◆ **Records**:

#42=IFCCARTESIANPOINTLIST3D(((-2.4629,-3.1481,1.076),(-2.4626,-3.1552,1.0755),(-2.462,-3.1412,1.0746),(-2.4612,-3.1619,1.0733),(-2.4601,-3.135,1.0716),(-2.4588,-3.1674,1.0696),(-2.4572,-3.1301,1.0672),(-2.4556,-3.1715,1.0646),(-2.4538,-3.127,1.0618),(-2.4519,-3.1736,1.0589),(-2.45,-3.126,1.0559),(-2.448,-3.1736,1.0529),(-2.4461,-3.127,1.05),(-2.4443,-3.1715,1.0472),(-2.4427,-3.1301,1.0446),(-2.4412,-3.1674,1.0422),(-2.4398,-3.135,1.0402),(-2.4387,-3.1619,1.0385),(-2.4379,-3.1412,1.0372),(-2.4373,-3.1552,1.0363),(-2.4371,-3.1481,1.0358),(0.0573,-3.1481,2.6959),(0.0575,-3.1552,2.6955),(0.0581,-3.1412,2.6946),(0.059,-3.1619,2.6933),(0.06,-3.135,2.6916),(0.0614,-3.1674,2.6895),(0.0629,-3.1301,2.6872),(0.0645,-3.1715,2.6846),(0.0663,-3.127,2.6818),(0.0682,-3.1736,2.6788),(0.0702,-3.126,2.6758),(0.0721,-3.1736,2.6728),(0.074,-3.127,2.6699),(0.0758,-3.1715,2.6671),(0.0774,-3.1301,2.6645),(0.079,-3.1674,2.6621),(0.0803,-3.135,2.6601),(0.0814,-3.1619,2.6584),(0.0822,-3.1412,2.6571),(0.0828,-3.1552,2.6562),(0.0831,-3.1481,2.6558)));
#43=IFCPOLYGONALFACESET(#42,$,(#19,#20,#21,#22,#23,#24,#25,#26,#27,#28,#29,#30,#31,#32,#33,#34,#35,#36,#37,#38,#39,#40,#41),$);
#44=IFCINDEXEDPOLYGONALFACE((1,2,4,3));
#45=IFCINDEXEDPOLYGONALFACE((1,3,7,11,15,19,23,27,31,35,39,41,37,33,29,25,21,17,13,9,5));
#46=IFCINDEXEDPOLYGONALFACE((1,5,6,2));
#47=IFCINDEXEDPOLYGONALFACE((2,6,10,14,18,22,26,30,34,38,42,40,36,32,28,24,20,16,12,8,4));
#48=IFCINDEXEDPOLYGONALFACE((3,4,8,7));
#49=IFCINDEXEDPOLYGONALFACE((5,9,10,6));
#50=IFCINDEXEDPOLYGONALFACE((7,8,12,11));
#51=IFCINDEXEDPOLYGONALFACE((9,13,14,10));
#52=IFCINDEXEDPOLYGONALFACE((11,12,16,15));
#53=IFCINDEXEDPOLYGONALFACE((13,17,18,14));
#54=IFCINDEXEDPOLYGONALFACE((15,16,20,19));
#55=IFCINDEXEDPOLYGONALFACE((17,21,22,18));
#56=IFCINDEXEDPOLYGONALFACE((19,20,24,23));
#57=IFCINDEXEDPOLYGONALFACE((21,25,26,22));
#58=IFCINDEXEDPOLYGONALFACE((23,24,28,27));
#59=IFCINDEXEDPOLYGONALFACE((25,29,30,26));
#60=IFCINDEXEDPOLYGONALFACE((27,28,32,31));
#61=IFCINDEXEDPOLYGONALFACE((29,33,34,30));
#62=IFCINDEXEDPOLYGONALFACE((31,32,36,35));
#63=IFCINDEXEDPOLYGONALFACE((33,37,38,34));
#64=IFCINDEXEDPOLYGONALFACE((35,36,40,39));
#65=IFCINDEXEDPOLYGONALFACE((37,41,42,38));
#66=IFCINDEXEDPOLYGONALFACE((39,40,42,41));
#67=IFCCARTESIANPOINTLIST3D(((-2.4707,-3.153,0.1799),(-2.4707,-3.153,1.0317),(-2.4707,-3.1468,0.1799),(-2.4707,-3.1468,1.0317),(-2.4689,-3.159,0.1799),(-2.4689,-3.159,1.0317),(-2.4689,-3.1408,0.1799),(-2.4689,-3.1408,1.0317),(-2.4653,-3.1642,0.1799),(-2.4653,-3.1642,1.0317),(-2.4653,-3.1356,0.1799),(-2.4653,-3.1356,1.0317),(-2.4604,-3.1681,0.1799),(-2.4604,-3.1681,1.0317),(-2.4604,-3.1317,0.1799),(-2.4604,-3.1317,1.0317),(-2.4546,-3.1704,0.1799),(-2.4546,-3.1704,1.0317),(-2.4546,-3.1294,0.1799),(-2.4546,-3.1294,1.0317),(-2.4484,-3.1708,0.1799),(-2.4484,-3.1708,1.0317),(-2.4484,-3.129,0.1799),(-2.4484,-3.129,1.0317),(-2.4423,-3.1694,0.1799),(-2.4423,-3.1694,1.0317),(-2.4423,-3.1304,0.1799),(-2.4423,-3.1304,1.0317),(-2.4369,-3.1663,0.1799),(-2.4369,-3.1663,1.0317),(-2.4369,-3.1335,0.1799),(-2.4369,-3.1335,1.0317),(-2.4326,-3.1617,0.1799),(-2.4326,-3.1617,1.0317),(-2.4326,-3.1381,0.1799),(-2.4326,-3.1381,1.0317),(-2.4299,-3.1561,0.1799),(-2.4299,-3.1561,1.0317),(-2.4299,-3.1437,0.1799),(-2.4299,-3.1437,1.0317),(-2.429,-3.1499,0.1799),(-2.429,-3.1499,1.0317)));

◆ **Work instruction**: Write out again, unchanged, every line from the line containing "#60=IFCINDEXEDPOLYGONALFACE((27,28,32,31));" to the final line of the material above.

◆ **Output of the task**:
#60=IFCINDEXEDPOLYGONALFACE((27,28,32,31));
#61=IFCINDEXEDPOLYGONALFACE((29,33,34,30));
#62=IFCINDEXEDPOLYGONALFACE((31,32,36,35));
#63=IFCINDEXEDPOLYGONALFACE((33,37,38,34));
#64=IFCINDEXEDPOLYGONALFACE((35,36,40,39));
#65=IFCINDEXEDPOLYGONALFACE((37,41,42,38));
#66=IFCINDEXEDPOLYGONALFACE((39,40,42,41));
#67=IFCCARTESIANPOINTLIST3D(((-2.4707,-3.153,0.1799),(-2.4707,-3.153,1.0317),(-2.4707,-3.1468,0.1799),(-2.4707,-3.1468,1.0317),(-2.4689,-3.159,0.1799),(-2.4689,-3.159,1.0317),(-2.4689,-3.1408,0.1799),(-2.4689,-3.1408,1.0317),(-2.4653,-3.1642,0.1799),(-2.4653,-3.1642,1.0317),(-2.4653,-3.1356,0.1799),(-2.4653,-3.1356,1.0317),(-2.4604,-3.1681,0.1799),(-2.4604,-3.1681,1.0317),(-2.4604,-3.1317,0.1799),(-2.4604,-3.1317,1.0317),(-2.4546,-3.1704,0.1799),(-2.4546,-3.1704,1.0317),(-2.4546,-3.1294,0.1799),(-2.4546,-3.1294,1.0317),(-2.4484,-3.1708,0.1799),(-2.4484,-3.1708,1.0317),(-2.4484,-3.129,0.1799),(-2.4484,-3.129,1.0317),(-2.4423,-3.1694,0.1799),(-2.4423,-3.1694,1.0317),(-2.4423,-3.1304,0.1799),(-2.4423,-3.1304,1.0317),(-2.4369,-3.1663,0.1799),(-2.4369,-3.1663,1.0317),(-2.4369,-3.1335,0.1799),(-2.4369,-3.1335,1.0317),(-2.4326,-3.1617,0.1799),(-2.4326,-3.1617,1.0317),(-2.4326,-3.1381,0.1799),(-2.4326,-3.1381,1.0317),(-2.4299,-3.1561,0.1799),(-2.4299,-3.1561,1.0317),(-2.4299,-3.1437,0.1799),(-2.4299,-3.1437,1.0317),(-2.429,-3.1499,0.1799),(-2.429,-3.1499,1.0317)));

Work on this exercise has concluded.